*PROBLEM DETAILS*:
Copy exactly, and only, the lines from the line containing "#92=IFCINDEXEDPOLYGONALFACE((67,78,210,199));" through the last line of the records below, both included.

*DATA TO PROCESS*:
++++
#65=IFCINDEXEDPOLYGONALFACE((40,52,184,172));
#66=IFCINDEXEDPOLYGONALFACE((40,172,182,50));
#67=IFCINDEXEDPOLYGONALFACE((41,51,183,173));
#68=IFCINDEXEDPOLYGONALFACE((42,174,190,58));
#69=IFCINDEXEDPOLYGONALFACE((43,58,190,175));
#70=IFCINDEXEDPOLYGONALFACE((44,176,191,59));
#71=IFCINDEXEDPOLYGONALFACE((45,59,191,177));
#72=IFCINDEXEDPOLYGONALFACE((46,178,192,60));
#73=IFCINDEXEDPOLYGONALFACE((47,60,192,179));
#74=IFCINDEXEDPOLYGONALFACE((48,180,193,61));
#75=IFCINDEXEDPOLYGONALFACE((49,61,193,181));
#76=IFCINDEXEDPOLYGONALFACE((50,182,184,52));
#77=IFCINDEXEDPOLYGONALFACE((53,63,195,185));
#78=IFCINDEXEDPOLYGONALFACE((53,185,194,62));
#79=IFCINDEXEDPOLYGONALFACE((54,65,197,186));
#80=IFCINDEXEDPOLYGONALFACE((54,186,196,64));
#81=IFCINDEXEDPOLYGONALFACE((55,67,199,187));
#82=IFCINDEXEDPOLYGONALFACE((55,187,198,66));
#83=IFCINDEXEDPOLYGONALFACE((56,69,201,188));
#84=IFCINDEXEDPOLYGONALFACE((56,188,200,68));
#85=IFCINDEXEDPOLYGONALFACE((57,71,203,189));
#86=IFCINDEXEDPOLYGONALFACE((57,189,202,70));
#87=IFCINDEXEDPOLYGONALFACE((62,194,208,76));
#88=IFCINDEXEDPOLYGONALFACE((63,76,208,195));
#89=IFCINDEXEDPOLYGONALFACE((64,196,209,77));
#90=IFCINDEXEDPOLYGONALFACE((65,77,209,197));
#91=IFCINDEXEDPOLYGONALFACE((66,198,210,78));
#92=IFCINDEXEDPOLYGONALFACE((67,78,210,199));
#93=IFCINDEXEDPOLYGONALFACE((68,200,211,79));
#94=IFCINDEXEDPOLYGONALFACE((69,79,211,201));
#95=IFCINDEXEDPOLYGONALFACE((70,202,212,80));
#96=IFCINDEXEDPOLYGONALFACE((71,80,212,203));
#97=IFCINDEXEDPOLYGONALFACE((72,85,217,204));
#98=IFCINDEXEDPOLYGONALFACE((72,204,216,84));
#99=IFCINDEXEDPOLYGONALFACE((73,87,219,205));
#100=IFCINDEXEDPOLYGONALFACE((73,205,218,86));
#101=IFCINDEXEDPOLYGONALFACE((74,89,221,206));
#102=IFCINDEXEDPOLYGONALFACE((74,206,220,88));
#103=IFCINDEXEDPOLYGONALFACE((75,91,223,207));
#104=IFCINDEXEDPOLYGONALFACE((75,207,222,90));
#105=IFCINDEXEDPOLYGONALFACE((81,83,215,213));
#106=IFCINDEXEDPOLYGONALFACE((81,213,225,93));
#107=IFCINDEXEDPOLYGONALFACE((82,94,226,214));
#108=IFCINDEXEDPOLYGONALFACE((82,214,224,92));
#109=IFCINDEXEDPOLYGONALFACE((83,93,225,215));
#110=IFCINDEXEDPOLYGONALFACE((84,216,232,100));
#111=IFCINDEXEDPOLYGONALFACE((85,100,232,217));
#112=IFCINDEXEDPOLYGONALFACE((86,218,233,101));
++++
*OUTPUT BELOW*:
#92=IFCINDEXEDPOLYGONALFACE((67,78,210,199));
#93=IFCINDEXEDPOLYGONALFACE((68,200,211,79));
#94=IFCINDEXEDPOLYGONALFACE((69,79,211,201));
#95=IFCINDEXEDPOLYGONALFACE((70,202,212,80));
#96=IFCINDEXEDPOLYGONALFACE((71,80,212,203));
#97=IFCINDEXEDPOLYGONALFACE((72,85,217,204));
#98=IFCINDEXEDPOLYGONALFACE((72,204,216,84));
#99=IFCINDEXEDPOLYGONALFACE((73,87,219,205));
#100=IFCINDEXEDPOLYGONALFACE((73,205,218,86));
#101=IFCINDEXEDPOLYGONALFACE((74,89,221,206));
#102=IFCINDEXEDPOLYGONALFACE((74,206,220,88));
#103=IFCINDEXEDPOLYGONALFACE((75,91,223,207));
#104=IFCINDEXEDPOLYGONALFACE((75,207,222,90));
#105=IFCINDEXEDPOLYGONALFACE((81,83,215,213));
#106=IFCINDEXEDPOLYGONALFACE((81,213,225,93));
#107=IFCINDEXEDPOLYGONALFACE((82,94,226,214));
#108=IFCINDEXEDPOLYGONALFACE((82,214,224,92));
#109=IFCINDEXEDPOLYGONALFACE((83,93,225,215));
#110=IFCINDEXEDPOLYGONALFACE((84,216,232,100));
#111=IFCINDEXEDPOLYGONALFACE((85,100,232,217));
#112=IFCINDEXEDPOLYGONALFACE((86,218,233,101));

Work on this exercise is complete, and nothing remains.